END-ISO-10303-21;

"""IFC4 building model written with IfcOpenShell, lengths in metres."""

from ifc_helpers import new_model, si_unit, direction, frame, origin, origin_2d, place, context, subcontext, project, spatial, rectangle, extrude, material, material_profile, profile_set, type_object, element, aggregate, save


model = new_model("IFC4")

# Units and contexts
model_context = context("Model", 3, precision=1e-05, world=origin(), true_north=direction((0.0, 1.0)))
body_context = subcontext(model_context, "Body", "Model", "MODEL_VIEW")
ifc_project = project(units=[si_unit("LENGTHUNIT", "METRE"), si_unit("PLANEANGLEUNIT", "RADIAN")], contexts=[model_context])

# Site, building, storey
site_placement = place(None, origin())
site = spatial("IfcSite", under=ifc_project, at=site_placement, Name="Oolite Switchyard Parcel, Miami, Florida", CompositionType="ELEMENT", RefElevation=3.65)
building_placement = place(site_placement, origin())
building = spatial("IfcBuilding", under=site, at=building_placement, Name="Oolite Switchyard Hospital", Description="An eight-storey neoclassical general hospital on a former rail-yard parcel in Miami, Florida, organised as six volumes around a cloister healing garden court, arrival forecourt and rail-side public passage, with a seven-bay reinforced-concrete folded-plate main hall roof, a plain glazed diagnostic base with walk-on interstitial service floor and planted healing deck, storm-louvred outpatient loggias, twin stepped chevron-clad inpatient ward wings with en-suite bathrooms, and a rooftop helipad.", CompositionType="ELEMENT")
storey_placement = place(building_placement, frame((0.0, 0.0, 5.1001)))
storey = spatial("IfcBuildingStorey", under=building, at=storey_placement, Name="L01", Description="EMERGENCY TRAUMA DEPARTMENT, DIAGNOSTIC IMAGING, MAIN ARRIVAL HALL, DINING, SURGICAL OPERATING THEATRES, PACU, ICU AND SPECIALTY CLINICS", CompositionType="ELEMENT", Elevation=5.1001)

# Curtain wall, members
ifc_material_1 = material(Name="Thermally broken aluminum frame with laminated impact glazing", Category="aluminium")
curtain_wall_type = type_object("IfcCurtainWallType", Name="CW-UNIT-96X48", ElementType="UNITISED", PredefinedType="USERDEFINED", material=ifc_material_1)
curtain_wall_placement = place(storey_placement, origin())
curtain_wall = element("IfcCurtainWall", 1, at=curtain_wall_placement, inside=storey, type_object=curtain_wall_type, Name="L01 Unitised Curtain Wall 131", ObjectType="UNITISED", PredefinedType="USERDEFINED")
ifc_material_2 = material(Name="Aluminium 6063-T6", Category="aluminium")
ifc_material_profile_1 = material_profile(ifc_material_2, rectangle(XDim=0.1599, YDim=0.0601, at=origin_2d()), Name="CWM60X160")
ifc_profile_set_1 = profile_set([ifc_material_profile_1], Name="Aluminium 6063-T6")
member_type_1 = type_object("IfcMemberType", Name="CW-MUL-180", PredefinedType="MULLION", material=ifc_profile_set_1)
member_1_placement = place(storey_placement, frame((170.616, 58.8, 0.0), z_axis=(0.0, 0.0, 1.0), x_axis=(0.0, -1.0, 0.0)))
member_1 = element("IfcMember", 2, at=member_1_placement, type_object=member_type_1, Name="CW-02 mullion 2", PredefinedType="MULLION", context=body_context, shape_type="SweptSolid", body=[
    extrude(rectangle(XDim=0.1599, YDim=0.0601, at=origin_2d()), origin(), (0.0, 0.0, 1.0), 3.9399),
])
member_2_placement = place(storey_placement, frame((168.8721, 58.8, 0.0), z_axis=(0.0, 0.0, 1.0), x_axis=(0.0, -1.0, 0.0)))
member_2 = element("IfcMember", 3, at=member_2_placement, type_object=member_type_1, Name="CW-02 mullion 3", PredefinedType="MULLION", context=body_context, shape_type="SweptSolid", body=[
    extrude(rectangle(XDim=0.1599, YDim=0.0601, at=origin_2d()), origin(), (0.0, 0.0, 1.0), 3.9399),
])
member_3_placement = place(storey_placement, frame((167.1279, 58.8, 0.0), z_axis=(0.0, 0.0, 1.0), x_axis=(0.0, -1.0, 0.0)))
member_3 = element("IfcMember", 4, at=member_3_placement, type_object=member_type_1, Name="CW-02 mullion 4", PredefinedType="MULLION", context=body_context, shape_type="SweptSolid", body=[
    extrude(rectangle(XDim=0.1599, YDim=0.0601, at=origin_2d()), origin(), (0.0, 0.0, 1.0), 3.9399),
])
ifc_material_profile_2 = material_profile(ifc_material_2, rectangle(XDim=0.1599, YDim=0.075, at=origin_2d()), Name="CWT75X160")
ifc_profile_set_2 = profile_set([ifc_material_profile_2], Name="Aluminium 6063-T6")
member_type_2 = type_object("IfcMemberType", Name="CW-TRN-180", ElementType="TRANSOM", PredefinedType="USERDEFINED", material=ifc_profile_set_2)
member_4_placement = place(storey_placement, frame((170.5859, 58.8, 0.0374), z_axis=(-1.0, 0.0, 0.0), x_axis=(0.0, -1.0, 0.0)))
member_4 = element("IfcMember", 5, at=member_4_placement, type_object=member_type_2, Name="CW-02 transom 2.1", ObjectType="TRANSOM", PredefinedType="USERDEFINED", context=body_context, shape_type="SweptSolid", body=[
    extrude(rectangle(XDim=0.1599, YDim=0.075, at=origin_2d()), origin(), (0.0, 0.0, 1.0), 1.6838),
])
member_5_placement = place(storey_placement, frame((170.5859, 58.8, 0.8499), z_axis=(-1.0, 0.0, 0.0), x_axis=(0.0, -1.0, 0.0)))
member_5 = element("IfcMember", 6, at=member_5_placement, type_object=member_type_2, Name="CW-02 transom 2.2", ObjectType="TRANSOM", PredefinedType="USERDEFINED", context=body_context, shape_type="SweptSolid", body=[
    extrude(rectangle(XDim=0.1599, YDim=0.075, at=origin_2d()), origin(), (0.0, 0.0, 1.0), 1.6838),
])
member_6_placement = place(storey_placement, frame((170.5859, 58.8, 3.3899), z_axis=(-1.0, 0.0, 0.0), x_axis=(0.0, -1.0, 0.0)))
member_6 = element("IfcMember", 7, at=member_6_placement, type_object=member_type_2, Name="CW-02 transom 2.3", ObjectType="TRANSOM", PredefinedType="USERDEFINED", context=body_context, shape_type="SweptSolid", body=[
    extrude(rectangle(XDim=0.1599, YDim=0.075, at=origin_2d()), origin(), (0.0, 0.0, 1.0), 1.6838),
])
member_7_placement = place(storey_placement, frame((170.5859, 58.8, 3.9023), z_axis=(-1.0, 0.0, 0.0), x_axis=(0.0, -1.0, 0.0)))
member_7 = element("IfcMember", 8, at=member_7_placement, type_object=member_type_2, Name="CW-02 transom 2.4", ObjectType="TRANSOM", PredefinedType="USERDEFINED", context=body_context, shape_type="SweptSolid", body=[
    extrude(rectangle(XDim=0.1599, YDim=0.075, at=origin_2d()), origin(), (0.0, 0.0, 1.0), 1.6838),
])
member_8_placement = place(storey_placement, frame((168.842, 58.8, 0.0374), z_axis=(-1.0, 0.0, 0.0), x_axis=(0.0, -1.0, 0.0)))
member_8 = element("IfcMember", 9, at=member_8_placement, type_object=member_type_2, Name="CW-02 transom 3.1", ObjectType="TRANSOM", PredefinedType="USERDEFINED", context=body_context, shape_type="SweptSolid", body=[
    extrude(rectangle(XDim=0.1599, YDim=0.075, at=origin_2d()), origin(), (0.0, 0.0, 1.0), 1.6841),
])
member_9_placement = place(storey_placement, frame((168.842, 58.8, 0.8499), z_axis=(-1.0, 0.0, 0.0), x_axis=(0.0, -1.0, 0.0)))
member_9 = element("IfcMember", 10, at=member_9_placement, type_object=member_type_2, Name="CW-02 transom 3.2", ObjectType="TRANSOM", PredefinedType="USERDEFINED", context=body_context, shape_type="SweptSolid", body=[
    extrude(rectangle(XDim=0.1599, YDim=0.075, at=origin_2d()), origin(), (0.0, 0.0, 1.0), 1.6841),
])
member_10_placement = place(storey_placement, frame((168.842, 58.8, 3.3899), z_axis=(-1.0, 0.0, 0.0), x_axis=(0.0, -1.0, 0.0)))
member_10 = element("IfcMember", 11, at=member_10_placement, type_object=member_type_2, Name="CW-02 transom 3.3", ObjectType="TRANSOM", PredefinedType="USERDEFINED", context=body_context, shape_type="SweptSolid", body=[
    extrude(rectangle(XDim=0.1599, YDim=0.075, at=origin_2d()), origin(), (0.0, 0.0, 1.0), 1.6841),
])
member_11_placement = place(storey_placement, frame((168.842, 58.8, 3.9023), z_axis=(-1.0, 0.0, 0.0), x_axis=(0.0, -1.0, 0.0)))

THE PROBLEM:
Each line in the listing above that includes the word "UNITISED" needs to be copied out.

ANSWER:
curtain_wall_type = type_object("IfcCurtainWallType", Name="CW-UNIT-96X48", ElementType="UNITISED", PredefinedType="USERDEFINED", material=ifc_material_1)
curtain_wall = element("IfcCurtainWall", 1, at=curtain_wall_placement, inside=storey, type_object=curtain_wall_type, Name="L01 Unitised Curtain Wall 131", ObjectType="UNITISED", PredefinedType="USERDEFINED")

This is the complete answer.